Collected data entries:
• • • •
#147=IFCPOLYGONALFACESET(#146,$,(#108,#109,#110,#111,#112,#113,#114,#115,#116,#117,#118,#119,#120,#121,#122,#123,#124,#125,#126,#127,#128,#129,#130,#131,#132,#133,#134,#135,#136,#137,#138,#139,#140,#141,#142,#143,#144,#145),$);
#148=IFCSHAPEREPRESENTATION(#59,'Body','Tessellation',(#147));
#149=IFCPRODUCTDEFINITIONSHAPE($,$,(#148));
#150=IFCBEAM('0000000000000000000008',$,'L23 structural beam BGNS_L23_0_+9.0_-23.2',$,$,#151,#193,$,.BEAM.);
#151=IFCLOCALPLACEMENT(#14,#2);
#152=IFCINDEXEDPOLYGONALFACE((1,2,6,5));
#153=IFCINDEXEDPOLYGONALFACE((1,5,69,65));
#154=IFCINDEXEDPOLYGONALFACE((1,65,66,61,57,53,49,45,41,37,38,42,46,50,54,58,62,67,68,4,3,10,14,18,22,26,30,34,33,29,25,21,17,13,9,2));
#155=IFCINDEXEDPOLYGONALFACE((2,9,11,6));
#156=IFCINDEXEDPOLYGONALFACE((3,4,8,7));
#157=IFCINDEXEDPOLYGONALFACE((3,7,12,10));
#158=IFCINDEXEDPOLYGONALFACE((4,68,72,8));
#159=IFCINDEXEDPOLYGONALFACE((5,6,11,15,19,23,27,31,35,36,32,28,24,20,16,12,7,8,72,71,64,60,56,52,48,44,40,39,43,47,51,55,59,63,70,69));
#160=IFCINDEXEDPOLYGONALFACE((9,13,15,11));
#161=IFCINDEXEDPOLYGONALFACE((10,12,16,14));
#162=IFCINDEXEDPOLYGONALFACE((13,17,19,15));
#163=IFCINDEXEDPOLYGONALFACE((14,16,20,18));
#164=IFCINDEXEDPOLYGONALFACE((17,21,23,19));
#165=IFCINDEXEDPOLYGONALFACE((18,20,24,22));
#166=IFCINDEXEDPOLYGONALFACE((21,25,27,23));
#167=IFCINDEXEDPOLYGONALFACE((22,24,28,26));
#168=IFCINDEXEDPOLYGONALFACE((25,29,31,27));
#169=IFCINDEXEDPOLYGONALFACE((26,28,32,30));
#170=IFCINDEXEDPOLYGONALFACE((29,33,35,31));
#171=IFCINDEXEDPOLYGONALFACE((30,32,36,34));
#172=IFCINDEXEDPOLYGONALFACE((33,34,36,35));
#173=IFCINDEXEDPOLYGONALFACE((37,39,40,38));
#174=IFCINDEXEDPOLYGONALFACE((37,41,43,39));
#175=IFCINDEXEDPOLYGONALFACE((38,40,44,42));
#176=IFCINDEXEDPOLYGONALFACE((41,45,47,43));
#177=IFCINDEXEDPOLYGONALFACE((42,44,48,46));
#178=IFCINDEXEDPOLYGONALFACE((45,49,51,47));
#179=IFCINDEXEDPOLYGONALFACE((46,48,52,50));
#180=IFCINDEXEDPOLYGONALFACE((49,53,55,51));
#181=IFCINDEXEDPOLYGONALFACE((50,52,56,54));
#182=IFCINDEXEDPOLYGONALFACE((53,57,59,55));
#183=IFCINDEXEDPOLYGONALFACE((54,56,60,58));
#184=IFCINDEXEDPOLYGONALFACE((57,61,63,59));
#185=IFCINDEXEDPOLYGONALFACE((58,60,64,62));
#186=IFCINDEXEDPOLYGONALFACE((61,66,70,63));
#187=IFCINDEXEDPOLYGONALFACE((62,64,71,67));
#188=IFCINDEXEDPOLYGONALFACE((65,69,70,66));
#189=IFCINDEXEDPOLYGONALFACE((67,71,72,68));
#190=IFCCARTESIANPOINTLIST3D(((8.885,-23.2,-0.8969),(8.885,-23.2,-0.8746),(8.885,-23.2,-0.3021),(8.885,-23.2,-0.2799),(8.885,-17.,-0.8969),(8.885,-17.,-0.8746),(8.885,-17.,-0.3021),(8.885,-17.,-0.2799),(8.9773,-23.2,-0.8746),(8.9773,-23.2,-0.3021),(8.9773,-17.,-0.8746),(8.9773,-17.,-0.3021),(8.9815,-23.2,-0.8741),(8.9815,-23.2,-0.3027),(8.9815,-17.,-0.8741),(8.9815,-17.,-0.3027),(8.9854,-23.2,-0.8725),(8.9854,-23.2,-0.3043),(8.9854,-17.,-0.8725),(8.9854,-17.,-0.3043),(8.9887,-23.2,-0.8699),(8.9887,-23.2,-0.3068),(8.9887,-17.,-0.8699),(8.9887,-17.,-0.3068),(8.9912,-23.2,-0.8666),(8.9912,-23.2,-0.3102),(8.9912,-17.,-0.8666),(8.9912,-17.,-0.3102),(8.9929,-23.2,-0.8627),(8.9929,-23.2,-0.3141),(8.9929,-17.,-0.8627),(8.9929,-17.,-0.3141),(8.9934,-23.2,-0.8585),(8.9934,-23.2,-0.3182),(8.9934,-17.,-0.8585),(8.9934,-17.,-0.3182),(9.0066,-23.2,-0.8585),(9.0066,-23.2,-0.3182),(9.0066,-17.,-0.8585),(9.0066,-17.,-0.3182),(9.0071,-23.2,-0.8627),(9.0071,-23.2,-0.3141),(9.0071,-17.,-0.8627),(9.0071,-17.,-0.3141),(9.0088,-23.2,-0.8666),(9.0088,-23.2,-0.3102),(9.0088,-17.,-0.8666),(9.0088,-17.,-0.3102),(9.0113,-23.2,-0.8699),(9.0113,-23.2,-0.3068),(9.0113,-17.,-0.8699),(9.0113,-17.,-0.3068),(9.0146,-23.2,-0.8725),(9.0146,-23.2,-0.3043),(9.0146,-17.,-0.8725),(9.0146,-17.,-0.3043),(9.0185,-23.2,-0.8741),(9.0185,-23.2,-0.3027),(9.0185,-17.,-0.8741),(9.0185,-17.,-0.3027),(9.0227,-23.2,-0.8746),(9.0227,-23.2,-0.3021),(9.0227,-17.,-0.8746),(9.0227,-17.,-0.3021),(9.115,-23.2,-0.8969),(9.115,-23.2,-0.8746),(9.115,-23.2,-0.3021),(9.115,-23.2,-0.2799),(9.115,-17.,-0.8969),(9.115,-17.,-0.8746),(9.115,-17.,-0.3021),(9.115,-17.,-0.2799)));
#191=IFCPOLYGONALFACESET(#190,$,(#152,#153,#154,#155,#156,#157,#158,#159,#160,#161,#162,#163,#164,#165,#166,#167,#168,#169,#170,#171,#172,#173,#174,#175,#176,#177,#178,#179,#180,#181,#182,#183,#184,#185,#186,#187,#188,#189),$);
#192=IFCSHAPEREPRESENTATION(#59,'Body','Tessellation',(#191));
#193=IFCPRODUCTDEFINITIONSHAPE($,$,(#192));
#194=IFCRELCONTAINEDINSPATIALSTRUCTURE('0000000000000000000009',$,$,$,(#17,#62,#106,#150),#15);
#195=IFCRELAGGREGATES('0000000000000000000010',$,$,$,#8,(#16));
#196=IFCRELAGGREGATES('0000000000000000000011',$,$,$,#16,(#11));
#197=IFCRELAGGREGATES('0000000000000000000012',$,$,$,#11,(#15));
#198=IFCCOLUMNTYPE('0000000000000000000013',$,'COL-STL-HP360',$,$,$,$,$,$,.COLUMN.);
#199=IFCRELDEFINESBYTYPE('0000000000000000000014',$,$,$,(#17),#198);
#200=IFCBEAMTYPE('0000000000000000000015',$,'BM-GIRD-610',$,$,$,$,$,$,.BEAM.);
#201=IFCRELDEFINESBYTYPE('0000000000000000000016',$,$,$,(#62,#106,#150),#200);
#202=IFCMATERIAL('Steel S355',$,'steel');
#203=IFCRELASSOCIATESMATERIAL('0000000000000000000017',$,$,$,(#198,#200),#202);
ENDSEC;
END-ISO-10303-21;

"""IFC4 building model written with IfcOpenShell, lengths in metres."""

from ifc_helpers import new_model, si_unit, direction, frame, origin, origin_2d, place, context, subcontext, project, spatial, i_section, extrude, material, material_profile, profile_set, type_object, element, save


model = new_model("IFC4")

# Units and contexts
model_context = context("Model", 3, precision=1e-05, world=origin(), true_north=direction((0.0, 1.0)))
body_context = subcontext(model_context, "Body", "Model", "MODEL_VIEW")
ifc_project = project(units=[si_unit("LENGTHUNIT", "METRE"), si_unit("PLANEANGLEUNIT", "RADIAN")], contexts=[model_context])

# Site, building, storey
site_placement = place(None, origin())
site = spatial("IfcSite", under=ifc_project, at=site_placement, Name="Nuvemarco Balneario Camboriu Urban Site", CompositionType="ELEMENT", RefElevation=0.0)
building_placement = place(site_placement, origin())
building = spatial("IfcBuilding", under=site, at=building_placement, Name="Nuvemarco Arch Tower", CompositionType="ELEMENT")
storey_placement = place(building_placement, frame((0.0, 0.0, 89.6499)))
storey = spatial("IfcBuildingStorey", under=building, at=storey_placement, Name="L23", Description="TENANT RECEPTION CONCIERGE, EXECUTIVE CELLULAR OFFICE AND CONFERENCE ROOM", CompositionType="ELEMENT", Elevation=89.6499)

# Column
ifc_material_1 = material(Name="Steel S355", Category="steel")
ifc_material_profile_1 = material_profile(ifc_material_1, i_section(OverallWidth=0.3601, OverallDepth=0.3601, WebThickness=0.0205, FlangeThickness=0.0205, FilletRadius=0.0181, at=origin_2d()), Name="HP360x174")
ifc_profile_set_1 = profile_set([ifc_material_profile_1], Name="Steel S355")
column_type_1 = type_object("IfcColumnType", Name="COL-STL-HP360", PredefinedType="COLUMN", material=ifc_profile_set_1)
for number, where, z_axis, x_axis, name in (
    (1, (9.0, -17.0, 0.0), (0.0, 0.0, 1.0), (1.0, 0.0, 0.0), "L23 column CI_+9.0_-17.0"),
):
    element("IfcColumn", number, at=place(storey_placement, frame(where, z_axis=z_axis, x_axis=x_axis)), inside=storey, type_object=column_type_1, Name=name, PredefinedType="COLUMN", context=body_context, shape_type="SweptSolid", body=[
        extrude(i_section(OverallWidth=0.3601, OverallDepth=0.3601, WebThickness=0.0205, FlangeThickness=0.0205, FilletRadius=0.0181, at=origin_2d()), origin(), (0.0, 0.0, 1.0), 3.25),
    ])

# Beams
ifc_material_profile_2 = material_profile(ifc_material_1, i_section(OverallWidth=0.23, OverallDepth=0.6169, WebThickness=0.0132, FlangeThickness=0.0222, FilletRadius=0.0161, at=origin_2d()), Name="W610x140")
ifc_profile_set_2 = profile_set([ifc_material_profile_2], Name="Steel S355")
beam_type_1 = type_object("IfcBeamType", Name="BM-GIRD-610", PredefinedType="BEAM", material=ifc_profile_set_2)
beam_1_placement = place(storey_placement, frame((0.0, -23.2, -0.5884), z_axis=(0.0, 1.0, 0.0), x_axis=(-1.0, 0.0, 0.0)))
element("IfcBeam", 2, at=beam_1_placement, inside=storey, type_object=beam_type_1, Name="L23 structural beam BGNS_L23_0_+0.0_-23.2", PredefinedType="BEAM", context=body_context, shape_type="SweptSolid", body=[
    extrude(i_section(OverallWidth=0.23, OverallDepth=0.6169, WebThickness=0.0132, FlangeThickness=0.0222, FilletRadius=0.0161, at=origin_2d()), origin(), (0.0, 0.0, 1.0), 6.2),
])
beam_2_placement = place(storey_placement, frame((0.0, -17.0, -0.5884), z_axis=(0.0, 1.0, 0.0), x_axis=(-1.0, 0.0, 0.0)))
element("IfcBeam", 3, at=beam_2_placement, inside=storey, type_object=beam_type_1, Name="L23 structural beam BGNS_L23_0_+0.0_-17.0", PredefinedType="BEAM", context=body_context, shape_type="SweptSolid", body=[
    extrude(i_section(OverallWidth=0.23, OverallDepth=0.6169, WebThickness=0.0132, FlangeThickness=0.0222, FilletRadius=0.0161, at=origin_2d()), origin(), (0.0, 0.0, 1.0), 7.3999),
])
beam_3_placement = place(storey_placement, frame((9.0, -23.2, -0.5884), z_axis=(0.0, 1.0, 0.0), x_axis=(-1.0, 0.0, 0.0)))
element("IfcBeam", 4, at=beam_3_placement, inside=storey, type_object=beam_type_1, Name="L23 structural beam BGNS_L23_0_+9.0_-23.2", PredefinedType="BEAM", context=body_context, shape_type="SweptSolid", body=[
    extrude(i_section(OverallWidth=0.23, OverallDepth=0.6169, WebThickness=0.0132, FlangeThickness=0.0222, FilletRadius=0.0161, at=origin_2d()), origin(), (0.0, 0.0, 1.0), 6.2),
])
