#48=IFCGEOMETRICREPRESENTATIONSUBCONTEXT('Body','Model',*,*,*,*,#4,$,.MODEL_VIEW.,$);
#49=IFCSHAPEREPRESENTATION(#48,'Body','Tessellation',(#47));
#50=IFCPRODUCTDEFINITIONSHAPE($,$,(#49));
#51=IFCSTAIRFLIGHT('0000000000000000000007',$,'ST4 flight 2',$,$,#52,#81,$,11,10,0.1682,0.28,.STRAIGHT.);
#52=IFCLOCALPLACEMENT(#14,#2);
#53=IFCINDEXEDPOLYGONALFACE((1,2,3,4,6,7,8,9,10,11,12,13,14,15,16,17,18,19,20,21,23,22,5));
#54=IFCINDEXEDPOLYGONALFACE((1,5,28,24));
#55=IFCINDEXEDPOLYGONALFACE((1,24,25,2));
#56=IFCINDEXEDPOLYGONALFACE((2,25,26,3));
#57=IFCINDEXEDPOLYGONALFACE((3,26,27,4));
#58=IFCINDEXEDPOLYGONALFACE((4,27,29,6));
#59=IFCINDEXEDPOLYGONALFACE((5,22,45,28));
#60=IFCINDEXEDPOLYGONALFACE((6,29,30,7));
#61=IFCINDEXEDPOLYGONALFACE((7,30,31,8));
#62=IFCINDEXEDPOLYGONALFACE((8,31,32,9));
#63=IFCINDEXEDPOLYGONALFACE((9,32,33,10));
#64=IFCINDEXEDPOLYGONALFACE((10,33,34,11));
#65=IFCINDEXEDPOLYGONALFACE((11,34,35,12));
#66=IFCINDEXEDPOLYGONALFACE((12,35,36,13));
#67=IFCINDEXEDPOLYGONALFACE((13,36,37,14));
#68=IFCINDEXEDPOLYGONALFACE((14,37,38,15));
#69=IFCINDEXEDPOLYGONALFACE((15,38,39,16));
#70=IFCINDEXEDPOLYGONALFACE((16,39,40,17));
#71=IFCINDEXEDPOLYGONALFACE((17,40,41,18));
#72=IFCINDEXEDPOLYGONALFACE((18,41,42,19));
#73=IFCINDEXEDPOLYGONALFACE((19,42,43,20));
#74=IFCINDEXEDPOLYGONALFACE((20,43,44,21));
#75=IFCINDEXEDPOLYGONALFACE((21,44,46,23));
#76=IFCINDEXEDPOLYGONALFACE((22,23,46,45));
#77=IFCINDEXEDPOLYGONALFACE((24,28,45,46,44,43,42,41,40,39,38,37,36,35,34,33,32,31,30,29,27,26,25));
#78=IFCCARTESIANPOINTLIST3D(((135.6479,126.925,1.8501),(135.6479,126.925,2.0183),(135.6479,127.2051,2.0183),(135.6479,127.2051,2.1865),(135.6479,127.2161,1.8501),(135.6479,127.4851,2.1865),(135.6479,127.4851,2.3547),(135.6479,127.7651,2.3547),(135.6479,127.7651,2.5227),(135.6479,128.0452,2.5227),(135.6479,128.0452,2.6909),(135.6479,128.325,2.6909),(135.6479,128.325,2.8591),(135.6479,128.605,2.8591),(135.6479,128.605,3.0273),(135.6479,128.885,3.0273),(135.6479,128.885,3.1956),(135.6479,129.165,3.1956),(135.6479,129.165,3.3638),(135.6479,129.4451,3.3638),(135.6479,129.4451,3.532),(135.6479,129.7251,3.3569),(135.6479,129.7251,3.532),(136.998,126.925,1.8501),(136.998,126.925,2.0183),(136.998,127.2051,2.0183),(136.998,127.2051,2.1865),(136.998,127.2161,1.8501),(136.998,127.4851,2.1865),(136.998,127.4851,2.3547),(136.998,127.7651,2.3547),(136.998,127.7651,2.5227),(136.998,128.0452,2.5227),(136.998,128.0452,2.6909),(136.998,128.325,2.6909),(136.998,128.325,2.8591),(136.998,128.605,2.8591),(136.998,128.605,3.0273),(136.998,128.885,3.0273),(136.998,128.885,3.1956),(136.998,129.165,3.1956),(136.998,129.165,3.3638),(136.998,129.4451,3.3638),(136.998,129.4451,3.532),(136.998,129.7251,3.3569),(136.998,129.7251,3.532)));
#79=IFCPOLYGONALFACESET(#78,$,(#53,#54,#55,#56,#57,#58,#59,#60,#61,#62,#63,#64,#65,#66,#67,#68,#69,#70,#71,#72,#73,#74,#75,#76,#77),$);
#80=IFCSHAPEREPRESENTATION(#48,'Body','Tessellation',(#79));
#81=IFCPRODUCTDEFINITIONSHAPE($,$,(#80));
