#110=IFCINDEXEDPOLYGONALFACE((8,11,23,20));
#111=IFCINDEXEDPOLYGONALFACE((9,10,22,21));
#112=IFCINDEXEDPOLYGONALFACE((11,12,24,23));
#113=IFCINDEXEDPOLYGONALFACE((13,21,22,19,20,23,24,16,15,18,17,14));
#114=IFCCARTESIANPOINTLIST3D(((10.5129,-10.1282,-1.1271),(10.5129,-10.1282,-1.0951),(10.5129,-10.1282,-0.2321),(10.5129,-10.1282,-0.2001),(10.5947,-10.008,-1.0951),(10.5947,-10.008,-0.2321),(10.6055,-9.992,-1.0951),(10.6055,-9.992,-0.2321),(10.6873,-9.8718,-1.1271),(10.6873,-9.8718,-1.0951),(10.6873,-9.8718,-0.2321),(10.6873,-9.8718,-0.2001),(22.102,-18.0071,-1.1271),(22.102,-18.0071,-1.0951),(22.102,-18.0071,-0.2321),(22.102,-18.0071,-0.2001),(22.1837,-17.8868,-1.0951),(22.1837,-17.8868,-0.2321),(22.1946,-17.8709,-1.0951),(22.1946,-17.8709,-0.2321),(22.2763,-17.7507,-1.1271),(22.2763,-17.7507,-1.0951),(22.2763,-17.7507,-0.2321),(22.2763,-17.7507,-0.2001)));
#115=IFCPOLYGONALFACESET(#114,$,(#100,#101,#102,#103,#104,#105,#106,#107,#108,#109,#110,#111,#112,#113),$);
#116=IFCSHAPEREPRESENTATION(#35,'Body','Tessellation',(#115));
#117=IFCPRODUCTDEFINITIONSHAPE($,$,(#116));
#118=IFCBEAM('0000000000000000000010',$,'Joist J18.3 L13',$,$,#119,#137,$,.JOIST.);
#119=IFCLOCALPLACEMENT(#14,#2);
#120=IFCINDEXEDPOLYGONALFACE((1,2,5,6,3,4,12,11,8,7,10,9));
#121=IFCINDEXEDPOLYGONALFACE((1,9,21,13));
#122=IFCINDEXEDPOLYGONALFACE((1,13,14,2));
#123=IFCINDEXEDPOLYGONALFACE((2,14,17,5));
• • • •
**What you will do:** Quote the records from their first line to the line with "#162=IFCINDEXEDPOLYGONALFACE((13,17,19,15));", inclusive, without adding or dropping anything.

**Solved exercise:**
#147=IFCPOLYGONALFACESET(#146,$,(#108,#109,#110,#111,#112,#113,#114,#115,#116,#117,#118,#119,#120,#121,#122,#123,#124,#125,#126,#127,#128,#129,#130,#131,#132,#133,#134,#135,#136,#137,#138,#139,#140,#141,#142,#143,#144,#145),$);
#148=IFCSHAPEREPRESENTATION(#59,'Body','Tessellation',(#147));
#149=IFCPRODUCTDEFINITIONSHAPE($,$,(#148));
#150=IFCBEAM('0000000000000000000008',$,'L23 structural beam BGNS_L23_0_+9.0_-23.2',$,$,#151,#193,$,.BEAM.);
#151=IFCLOCALPLACEMENT(#14,#2);
#152=IFCINDEXEDPOLYGONALFACE((1,2,6,5));
#153=IFCINDEXEDPOLYGONALFACE((1,5,69,65));
#154=IFCINDEXEDPOLYGONALFACE((1,65,66,61,57,53,49,45,41,37,38,42,46,50,54,58,62,67,68,4,3,10,14,18,22,26,30,34,33,29,25,21,17,13,9,2));
#155=IFCINDEXEDPOLYGONALFACE((2,9,11,6));
#156=IFCINDEXEDPOLYGONALFACE((3,4,8,7));
#157=IFCINDEXEDPOLYGONALFACE((3,7,12,10));
#158=IFCINDEXEDPOLYGONALFACE((4,68,72,8));
#159=IFCINDEXEDPOLYGONALFACE((5,6,11,15,19,23,27,31,35,36,32,28,24,20,16,12,7,8,72,71,64,60,56,52,48,44,40,39,43,47,51,55,59,63,70,69));
#160=IFCINDEXEDPOLYGONALFACE((9,13,15,11));
#161=IFCINDEXEDPOLYGONALFACE((10,12,16,14));
#162=IFCINDEXEDPOLYGONALFACE((13,17,19,15));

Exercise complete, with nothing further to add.